Records from a data source:
%%

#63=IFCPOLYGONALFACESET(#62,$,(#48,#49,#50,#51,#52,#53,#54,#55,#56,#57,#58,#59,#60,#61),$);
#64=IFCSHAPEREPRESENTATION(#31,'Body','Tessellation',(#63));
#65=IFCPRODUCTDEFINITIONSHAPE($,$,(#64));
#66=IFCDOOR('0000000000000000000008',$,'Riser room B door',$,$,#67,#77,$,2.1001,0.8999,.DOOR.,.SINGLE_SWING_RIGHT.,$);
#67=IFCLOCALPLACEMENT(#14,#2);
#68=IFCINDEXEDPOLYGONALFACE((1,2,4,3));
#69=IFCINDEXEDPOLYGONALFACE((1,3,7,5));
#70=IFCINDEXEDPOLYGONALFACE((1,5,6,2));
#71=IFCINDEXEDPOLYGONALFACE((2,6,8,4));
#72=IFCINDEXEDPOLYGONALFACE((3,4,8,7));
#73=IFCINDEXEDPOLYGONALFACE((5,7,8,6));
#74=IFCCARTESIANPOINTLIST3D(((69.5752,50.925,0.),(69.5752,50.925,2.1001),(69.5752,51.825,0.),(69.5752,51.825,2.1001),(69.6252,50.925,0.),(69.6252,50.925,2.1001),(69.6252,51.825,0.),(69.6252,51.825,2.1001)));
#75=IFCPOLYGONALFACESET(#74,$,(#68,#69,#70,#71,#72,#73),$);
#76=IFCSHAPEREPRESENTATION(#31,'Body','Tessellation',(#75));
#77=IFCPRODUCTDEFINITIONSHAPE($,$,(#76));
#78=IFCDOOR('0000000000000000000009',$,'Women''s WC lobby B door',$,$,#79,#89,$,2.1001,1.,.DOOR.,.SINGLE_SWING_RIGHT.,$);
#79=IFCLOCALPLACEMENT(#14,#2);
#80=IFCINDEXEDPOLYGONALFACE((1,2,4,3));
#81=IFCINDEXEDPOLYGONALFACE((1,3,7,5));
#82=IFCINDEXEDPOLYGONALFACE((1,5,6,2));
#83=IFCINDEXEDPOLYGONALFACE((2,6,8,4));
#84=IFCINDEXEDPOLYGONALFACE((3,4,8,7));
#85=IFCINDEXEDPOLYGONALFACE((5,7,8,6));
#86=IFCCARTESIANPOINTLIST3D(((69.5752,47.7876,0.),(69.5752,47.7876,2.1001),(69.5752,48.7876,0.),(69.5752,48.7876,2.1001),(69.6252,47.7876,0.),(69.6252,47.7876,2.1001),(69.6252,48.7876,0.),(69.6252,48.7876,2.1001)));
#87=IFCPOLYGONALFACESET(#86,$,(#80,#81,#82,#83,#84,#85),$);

%%
%%

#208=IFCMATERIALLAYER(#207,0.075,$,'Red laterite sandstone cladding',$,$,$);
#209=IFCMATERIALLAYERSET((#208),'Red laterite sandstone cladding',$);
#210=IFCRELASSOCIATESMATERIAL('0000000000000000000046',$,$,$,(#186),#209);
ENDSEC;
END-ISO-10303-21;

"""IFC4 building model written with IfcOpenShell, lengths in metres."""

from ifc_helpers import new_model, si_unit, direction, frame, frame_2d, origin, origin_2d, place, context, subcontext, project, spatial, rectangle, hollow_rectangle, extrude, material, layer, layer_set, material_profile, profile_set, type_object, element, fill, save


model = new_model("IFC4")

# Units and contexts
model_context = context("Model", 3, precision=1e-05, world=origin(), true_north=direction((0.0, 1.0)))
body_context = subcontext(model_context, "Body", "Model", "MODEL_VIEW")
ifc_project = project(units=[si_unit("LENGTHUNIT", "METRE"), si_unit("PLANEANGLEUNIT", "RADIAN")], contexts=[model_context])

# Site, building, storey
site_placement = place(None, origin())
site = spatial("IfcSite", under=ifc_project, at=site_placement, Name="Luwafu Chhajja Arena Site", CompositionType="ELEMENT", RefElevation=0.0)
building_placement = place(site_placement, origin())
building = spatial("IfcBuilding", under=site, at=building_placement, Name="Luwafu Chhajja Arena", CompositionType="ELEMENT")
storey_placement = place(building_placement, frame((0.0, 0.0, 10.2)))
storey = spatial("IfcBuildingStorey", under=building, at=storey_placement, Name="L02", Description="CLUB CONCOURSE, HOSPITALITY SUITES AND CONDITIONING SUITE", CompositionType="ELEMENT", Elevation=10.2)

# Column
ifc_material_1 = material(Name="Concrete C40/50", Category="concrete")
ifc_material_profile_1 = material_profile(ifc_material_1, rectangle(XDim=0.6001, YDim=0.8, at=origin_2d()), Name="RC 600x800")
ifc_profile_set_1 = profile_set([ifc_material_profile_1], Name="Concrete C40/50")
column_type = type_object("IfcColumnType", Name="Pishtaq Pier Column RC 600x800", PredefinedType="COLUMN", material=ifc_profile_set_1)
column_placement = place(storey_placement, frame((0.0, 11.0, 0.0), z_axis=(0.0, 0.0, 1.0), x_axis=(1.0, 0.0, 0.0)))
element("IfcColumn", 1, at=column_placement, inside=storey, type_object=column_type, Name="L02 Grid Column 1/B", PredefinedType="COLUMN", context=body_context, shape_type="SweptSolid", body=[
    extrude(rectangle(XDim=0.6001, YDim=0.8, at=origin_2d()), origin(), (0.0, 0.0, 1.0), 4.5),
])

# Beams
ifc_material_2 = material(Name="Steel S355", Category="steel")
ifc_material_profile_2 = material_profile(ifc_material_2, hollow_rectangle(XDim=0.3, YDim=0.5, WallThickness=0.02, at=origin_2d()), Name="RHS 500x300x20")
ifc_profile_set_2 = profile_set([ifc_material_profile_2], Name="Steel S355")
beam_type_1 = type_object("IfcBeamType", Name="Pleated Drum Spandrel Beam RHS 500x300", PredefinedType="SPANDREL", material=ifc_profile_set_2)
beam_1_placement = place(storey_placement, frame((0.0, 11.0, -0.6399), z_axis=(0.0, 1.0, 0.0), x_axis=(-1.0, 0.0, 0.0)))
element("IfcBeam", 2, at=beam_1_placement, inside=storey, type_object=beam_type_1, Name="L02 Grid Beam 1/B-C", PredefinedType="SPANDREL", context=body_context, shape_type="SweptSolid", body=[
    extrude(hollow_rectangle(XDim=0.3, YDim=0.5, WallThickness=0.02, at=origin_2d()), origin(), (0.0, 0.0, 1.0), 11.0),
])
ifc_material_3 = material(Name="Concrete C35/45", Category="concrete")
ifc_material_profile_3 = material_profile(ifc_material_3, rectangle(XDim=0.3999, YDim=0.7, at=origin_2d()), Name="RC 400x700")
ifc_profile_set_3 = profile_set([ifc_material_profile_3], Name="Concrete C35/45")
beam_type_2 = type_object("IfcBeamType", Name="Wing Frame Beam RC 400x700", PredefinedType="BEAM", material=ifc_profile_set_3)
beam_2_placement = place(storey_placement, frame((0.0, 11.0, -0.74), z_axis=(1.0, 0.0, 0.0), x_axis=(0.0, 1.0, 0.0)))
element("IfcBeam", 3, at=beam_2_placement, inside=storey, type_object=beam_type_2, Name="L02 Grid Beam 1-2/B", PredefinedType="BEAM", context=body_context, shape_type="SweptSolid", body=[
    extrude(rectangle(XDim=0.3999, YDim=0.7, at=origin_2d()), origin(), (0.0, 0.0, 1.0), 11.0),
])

%%

■ EXERCISE:
Copy all lines above where "XDim" is present.

■ ANSWER BELOW:
ifc_material_profile_1 = material_profile(ifc_material_1, rectangle(XDim=0.6001, YDim=0.8, at=origin_2d()), Name="RC 600x800")
    extrude(rectangle(XDim=0.6001, YDim=0.8, at=origin_2d()), origin(), (0.0, 0.0, 1.0), 4.5),
ifc_material_profile_2 = material_profile(ifc_material_2, hollow_rectangle(XDim=0.3, YDim=0.5, WallThickness=0.02, at=origin_2d()), Name="RHS 500x300x20")
    extrude(hollow_rectangle(XDim=0.3, YDim=0.5, WallThickness=0.02, at=origin_2d()), origin(), (0.0, 0.0, 1.0), 11.0),
ifc_material_profile_3 = material_profile(ifc_material_3, rectangle(XDim=0.3999, YDim=0.7, at=origin_2d()), Name="RC 400x700")
    extrude(rectangle(XDim=0.3999, YDim=0.7, at=origin_2d()), origin(), (0.0, 0.0, 1.0), 11.0),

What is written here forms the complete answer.